───── EXCERPTED DATA

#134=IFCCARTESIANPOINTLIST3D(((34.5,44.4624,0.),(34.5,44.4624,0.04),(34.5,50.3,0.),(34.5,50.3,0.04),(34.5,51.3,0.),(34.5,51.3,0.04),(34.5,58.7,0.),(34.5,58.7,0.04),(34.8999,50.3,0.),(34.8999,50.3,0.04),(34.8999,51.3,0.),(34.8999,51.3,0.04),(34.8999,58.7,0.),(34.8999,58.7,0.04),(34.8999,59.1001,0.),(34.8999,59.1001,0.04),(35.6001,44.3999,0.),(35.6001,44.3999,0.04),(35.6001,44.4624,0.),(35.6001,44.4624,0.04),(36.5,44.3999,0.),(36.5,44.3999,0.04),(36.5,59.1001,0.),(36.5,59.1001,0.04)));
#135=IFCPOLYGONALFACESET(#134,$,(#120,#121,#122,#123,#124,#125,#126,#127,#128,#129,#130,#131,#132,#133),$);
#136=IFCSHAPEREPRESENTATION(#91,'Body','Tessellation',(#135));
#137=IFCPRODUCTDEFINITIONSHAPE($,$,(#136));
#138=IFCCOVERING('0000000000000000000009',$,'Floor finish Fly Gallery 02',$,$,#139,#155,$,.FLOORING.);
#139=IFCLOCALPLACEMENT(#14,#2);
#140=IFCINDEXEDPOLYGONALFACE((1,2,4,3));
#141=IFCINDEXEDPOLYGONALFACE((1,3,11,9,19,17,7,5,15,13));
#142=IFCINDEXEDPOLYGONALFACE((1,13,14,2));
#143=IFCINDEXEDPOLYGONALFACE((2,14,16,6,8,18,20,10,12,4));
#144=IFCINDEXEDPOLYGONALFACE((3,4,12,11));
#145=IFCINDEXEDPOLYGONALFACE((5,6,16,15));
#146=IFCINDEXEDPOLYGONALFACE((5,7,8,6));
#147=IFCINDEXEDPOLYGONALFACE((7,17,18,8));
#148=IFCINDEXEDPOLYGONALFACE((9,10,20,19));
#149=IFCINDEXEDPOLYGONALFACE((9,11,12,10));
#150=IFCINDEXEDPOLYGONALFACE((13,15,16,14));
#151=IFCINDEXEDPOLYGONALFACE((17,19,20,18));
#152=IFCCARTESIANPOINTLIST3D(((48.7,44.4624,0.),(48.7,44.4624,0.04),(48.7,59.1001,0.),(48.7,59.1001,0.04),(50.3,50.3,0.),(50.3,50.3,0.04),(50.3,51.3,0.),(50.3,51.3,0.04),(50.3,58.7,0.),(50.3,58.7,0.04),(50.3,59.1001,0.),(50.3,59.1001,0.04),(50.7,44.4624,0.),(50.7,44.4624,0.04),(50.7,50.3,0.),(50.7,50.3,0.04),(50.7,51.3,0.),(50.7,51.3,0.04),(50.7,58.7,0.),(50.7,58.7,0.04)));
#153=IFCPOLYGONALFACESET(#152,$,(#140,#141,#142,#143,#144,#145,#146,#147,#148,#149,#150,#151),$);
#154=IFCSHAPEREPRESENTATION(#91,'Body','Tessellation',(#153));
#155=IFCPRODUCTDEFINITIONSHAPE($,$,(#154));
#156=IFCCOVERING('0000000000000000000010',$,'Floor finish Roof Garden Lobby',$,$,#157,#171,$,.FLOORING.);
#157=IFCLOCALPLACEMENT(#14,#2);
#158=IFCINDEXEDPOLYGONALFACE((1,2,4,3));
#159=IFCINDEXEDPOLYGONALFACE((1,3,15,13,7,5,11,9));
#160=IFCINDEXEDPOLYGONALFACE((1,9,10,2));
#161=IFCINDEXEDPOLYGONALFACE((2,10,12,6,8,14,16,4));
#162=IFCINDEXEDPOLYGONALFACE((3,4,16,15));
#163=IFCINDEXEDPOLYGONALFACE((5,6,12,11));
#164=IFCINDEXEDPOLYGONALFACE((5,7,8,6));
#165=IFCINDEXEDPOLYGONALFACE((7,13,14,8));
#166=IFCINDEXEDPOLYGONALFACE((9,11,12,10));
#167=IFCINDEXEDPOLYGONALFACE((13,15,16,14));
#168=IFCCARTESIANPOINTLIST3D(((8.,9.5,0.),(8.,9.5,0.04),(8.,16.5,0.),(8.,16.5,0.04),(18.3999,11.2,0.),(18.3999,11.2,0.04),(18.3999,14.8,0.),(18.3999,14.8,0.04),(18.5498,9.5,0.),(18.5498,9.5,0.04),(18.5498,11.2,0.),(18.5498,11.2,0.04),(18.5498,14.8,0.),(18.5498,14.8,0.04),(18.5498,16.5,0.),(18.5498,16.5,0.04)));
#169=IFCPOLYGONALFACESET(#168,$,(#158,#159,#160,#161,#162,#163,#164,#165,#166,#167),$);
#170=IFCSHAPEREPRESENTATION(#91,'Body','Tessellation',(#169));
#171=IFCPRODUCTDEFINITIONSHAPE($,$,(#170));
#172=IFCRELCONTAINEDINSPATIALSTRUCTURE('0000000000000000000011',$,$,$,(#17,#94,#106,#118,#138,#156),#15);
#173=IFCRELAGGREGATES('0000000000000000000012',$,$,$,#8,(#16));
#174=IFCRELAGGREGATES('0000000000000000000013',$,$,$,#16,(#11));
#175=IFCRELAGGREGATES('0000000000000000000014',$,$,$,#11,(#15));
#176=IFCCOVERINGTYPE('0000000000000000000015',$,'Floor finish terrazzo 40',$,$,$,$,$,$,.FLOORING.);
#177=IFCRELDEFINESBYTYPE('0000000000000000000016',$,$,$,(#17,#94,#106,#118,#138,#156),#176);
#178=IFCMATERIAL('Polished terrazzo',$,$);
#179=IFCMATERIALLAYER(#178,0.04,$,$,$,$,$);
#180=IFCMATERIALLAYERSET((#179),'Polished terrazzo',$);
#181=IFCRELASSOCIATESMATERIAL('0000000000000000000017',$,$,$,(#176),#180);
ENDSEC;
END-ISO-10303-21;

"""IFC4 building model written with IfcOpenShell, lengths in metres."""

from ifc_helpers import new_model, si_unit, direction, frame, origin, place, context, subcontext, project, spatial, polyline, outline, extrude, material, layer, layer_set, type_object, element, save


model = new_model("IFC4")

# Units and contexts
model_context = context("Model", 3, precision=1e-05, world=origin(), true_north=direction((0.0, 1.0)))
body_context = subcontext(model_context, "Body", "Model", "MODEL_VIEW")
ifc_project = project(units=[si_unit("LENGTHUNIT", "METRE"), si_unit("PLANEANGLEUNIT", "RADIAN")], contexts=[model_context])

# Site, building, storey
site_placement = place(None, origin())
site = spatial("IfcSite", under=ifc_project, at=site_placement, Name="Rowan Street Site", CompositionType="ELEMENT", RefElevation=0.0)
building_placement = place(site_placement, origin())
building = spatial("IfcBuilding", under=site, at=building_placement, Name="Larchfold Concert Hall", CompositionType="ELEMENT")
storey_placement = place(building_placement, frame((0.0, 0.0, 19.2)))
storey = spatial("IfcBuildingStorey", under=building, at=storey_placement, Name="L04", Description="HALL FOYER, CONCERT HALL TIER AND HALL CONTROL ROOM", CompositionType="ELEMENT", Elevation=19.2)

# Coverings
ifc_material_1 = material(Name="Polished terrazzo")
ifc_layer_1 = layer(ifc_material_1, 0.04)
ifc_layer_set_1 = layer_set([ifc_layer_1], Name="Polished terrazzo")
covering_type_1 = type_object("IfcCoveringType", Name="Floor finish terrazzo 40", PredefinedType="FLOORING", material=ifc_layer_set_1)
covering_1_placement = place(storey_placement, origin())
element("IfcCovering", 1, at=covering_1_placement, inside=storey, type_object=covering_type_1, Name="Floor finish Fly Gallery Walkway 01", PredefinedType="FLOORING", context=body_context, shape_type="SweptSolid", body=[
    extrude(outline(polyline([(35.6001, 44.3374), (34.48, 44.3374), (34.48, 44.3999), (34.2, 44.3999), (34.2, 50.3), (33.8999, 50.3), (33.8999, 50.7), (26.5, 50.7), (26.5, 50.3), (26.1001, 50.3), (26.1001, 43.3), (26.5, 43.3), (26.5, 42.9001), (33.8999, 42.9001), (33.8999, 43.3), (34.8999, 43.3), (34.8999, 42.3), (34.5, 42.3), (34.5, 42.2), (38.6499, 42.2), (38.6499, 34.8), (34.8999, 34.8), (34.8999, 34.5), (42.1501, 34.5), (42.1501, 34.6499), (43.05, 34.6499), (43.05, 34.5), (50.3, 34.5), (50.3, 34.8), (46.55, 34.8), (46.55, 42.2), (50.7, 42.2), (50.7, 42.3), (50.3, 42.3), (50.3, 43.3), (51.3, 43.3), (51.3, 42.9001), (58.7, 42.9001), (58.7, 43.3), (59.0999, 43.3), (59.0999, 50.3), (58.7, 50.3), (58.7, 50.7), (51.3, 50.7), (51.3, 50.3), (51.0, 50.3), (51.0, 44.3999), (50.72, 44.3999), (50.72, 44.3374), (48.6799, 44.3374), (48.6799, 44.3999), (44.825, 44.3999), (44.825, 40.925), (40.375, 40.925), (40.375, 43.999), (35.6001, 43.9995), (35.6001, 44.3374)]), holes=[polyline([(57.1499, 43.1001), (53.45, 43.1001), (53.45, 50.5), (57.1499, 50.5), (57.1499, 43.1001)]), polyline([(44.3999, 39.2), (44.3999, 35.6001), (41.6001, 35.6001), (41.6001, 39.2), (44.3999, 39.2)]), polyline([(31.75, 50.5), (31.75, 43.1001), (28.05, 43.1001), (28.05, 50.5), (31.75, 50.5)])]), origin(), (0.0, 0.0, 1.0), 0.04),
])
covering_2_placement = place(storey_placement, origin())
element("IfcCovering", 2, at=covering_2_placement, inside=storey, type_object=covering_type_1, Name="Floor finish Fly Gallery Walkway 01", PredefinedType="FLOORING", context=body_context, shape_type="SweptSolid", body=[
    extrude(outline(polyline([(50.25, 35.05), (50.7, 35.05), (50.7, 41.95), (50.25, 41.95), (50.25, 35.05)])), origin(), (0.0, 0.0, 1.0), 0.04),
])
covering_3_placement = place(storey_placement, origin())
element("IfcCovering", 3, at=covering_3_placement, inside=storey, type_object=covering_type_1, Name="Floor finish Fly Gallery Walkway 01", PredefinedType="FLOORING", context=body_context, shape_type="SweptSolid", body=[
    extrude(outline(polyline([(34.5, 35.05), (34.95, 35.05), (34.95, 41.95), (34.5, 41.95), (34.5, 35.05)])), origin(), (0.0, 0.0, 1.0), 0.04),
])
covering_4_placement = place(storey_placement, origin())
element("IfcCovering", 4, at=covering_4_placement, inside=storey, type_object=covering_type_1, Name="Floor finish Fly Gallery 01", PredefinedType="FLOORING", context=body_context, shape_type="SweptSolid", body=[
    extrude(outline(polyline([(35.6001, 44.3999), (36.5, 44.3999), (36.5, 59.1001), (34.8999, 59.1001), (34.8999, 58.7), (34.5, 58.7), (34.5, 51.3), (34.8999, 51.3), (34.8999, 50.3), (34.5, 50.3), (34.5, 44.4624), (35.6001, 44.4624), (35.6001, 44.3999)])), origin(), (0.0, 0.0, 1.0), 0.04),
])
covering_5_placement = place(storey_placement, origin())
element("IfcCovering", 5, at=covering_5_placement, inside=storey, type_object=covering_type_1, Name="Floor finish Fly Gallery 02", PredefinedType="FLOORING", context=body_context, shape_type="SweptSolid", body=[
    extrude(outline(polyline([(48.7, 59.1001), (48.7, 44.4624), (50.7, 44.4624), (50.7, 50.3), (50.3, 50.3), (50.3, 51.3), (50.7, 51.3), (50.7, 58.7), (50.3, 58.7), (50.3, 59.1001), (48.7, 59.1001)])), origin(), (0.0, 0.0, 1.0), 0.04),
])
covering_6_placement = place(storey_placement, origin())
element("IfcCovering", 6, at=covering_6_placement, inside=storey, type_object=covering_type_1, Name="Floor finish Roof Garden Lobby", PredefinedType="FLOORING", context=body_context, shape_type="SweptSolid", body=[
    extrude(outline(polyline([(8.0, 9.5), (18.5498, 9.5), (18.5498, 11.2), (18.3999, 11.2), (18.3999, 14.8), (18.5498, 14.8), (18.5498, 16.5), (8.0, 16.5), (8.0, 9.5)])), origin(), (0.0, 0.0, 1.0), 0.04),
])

──────────

• TASK DETAILS
Reproduce each line of the entries in which the word "IFCRELAGGREGATES" is found.

• SOLUTION TO THIS EXERCISE
#173=IFCRELAGGREGATES('0000000000000000000012',$,$,$,#8,(#16));
#174=IFCRELAGGREGATES('0000000000000000000013',$,$,$,#16,(#11));
#175=IFCRELAGGREGATES('0000000000000000000014',$,$,$,#11,(#15));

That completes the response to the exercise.